Task description:
Say how many lines below have "Steel" in them, giving the number alone.

Data for processing:
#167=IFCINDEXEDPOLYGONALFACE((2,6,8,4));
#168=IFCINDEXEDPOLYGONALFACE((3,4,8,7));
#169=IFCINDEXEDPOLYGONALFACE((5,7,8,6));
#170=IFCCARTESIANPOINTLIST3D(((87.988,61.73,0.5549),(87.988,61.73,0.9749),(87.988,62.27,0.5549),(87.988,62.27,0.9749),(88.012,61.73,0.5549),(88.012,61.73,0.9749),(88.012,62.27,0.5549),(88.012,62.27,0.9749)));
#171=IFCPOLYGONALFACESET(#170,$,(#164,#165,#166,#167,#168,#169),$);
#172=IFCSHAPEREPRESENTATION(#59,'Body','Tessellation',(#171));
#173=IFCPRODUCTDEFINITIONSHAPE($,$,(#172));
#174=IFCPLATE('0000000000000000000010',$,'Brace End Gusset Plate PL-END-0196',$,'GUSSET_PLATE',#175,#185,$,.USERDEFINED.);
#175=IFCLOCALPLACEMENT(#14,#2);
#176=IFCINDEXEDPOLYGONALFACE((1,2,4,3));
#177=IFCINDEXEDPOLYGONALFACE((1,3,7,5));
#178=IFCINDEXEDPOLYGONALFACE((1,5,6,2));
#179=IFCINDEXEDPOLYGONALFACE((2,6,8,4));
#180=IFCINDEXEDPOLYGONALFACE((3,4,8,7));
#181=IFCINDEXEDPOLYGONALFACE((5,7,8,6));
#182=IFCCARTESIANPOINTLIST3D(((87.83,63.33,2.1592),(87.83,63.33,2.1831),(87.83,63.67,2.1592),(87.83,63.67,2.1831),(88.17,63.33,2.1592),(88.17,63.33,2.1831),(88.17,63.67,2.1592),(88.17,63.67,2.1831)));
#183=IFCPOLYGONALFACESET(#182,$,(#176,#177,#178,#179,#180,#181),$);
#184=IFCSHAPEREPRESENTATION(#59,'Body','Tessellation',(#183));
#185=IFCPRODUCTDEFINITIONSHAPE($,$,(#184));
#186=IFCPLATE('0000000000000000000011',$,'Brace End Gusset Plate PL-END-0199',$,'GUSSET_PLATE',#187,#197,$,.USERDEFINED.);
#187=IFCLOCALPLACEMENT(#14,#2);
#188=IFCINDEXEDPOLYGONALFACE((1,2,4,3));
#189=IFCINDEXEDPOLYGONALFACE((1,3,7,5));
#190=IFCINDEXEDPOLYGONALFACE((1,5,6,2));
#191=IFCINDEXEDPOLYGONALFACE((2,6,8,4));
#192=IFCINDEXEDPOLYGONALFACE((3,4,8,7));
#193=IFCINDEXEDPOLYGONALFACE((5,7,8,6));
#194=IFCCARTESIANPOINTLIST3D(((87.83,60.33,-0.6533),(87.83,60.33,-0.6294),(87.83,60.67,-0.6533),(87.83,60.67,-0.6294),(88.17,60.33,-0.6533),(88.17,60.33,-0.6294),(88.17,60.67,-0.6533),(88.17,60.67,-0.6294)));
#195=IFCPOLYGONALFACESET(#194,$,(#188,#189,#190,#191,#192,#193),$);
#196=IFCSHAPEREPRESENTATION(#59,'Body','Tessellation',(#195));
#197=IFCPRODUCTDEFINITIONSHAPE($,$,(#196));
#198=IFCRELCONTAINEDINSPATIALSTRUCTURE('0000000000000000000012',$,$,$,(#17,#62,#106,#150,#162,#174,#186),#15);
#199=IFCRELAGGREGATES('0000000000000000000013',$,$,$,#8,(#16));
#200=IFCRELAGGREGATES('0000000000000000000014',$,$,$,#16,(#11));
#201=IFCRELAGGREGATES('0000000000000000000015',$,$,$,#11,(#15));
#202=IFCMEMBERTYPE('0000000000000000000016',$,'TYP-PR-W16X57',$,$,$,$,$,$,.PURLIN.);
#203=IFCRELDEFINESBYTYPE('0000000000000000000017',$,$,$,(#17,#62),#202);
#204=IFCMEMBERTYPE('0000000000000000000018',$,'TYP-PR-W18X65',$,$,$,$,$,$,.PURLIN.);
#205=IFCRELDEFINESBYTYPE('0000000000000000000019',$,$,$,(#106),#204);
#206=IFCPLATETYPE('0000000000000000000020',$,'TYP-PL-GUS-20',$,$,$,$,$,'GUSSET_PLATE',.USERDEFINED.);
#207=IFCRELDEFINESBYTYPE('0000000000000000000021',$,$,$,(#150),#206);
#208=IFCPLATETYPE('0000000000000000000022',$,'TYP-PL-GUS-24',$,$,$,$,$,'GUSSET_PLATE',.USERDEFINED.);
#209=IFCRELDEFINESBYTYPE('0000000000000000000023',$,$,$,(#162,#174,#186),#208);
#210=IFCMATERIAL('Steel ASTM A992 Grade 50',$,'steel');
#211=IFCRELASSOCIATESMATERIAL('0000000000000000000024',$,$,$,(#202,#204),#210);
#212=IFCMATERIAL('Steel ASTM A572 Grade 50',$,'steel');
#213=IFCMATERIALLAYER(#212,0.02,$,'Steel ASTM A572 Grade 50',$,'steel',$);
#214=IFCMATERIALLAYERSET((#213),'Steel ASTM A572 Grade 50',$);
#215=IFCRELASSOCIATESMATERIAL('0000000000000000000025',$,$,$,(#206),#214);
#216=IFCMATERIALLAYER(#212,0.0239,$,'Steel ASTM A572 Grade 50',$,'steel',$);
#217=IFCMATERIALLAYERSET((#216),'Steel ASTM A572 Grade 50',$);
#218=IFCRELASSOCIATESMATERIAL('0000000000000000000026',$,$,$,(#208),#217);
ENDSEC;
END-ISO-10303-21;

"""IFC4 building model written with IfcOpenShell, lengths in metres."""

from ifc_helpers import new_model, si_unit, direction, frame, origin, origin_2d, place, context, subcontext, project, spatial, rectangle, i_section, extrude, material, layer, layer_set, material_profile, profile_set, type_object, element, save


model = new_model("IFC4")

---

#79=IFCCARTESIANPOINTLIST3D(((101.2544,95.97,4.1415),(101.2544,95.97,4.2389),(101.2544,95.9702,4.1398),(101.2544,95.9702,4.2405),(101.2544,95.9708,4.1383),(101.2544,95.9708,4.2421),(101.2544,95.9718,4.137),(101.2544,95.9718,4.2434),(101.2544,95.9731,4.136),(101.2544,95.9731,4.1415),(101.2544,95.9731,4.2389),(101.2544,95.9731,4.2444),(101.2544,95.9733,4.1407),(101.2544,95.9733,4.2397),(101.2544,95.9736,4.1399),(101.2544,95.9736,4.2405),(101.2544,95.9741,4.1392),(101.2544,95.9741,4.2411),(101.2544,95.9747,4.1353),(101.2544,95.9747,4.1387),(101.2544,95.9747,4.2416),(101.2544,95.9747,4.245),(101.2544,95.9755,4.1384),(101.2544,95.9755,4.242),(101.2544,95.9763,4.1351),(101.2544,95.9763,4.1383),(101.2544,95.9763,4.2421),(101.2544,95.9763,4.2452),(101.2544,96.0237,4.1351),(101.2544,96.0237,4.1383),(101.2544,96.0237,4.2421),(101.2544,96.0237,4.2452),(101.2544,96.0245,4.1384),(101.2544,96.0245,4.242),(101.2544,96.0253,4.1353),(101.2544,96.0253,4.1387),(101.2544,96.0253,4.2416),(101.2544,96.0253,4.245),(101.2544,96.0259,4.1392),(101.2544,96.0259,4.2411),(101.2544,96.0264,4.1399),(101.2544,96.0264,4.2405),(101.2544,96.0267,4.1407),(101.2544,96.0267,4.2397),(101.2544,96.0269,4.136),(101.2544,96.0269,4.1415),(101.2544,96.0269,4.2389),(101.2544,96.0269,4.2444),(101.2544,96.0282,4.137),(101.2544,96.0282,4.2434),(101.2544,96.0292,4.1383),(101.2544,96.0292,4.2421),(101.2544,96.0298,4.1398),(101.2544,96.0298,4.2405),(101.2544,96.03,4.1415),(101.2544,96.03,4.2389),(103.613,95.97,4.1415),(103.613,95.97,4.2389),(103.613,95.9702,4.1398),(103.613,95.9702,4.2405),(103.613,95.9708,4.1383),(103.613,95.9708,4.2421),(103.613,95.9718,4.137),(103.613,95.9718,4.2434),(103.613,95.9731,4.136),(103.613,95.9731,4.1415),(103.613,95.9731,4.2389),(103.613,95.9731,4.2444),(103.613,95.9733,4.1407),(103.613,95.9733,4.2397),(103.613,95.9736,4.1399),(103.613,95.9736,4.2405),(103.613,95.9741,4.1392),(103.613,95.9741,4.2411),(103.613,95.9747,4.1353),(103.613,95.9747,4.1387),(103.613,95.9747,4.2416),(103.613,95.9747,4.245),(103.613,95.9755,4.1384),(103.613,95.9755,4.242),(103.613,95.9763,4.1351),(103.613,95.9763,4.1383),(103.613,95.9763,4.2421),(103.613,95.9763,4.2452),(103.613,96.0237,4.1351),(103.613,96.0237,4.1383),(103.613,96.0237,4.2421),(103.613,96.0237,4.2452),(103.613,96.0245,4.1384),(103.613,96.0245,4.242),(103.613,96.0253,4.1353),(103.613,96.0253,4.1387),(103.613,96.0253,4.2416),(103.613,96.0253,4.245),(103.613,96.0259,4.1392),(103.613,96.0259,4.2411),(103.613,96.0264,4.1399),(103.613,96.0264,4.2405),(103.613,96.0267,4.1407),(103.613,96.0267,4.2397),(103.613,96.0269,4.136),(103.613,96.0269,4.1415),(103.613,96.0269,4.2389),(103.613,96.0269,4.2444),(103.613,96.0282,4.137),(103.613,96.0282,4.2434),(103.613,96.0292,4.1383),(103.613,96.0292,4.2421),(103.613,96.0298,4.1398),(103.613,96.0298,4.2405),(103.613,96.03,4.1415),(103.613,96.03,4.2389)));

Solution:
6